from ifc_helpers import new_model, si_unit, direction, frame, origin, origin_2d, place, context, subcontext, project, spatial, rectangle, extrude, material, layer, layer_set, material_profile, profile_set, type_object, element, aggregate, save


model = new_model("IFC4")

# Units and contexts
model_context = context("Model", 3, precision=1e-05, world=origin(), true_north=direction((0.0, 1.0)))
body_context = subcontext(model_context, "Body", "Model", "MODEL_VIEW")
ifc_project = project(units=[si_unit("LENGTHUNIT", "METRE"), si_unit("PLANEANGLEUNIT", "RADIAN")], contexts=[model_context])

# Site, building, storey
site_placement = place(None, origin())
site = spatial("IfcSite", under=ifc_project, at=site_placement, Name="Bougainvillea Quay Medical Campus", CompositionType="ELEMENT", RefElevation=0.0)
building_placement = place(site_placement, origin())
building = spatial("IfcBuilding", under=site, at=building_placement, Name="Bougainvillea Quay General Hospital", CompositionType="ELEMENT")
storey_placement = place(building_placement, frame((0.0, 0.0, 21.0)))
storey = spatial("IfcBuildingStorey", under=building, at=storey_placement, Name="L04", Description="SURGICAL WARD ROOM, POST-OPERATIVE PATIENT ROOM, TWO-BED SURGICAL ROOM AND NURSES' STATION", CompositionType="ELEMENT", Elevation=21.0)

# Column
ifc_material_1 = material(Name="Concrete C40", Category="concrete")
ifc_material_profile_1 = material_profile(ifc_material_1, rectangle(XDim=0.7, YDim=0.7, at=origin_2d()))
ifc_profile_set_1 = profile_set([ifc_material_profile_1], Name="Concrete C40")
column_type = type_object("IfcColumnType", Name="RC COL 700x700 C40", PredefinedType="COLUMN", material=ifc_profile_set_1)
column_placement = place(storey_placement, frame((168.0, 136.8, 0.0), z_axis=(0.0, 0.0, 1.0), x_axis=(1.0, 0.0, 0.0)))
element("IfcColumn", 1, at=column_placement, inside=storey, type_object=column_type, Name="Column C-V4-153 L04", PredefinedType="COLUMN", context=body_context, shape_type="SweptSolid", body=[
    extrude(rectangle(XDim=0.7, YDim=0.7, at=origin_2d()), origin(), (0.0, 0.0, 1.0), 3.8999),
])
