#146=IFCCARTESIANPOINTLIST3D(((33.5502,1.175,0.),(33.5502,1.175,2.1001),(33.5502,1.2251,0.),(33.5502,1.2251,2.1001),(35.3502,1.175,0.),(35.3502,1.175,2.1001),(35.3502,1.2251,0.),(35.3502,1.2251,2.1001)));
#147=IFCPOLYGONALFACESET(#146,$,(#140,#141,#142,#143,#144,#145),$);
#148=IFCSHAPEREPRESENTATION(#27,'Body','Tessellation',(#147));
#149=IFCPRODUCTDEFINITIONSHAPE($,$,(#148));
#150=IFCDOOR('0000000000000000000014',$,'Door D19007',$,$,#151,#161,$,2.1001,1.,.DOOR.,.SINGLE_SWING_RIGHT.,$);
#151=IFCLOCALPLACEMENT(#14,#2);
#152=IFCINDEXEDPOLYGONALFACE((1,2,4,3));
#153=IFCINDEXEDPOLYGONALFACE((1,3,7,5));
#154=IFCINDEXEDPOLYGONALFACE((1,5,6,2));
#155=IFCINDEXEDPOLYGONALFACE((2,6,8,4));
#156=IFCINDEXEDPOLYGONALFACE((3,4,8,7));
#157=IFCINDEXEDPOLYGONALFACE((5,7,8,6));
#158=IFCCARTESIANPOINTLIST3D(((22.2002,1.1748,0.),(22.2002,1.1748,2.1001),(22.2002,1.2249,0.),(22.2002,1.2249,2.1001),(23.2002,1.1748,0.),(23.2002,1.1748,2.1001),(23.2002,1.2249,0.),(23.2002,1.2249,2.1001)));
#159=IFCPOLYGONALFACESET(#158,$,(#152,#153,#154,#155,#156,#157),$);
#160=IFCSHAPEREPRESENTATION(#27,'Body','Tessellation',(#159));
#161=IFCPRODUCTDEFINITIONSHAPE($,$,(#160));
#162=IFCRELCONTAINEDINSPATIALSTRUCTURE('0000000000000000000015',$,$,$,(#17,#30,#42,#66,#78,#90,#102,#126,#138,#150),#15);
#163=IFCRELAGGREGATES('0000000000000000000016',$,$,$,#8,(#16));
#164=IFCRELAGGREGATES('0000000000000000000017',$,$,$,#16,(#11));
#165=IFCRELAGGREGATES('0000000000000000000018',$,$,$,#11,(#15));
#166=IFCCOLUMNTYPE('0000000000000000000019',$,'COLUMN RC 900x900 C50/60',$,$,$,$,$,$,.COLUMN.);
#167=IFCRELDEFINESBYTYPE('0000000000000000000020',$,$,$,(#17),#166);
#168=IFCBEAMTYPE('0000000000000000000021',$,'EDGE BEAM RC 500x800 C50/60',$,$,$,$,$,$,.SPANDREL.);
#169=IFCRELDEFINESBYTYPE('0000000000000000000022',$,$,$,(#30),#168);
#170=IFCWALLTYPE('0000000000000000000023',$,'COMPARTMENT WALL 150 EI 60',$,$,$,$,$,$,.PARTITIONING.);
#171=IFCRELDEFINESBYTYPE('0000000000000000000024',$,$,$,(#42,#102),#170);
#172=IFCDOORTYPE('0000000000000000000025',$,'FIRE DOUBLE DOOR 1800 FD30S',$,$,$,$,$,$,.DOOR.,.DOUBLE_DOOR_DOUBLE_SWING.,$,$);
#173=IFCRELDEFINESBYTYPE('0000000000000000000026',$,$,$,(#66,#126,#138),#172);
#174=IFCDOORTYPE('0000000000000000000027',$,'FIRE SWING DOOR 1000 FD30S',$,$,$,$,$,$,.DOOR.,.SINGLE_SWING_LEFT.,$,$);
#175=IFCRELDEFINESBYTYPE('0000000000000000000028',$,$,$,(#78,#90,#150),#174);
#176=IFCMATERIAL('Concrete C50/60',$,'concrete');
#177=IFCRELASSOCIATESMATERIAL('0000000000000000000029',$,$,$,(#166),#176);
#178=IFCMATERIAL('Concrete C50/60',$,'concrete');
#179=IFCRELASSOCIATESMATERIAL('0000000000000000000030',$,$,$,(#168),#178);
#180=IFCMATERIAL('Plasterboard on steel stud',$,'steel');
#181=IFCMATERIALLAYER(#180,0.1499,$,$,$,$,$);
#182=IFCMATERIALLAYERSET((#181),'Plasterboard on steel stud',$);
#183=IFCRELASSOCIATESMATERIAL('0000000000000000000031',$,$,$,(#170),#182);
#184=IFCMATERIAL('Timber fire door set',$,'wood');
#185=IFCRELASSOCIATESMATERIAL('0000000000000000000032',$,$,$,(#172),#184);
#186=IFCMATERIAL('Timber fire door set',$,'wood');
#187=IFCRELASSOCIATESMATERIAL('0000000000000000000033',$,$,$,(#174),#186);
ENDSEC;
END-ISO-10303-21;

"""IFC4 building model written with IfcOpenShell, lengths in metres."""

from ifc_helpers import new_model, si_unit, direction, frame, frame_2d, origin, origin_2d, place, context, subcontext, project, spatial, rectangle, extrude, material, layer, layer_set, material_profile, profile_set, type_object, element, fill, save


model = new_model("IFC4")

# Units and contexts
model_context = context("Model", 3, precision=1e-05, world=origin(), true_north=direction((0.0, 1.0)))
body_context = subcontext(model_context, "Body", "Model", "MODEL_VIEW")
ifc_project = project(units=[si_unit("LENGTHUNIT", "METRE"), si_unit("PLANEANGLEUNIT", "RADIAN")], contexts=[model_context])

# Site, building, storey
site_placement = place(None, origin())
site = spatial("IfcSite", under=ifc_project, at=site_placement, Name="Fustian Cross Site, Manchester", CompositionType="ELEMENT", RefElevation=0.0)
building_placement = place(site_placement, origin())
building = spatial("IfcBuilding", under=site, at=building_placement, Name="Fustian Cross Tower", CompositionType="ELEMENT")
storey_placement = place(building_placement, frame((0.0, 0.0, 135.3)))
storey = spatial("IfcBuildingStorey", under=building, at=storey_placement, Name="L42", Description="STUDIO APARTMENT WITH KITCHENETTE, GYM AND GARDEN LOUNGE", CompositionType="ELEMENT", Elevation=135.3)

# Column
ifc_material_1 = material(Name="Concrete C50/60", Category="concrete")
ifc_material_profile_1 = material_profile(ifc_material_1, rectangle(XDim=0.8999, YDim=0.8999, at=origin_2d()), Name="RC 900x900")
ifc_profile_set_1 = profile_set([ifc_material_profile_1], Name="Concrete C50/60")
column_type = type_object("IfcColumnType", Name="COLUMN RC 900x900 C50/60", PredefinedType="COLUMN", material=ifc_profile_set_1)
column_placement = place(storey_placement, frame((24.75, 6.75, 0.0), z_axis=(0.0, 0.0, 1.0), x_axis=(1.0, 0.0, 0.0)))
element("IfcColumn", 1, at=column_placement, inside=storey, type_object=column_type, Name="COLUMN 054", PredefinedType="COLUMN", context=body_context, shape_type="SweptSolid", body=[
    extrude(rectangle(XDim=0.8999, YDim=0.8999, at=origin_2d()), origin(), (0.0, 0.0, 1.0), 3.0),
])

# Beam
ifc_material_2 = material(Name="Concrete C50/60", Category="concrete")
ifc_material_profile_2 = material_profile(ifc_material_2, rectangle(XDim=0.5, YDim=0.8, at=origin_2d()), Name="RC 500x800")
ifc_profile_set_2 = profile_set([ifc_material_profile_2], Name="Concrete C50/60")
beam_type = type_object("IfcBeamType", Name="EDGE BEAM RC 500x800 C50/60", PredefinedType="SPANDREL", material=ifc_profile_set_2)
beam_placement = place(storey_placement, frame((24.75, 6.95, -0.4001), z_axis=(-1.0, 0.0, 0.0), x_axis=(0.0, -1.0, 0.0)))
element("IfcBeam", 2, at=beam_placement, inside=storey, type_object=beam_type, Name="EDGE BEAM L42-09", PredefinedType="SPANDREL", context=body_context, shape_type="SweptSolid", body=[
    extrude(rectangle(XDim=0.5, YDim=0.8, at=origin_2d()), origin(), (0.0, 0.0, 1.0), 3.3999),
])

········

Problem statement >> Give only the number of lines in the entries that contain "Quay".

Response to this task >> 2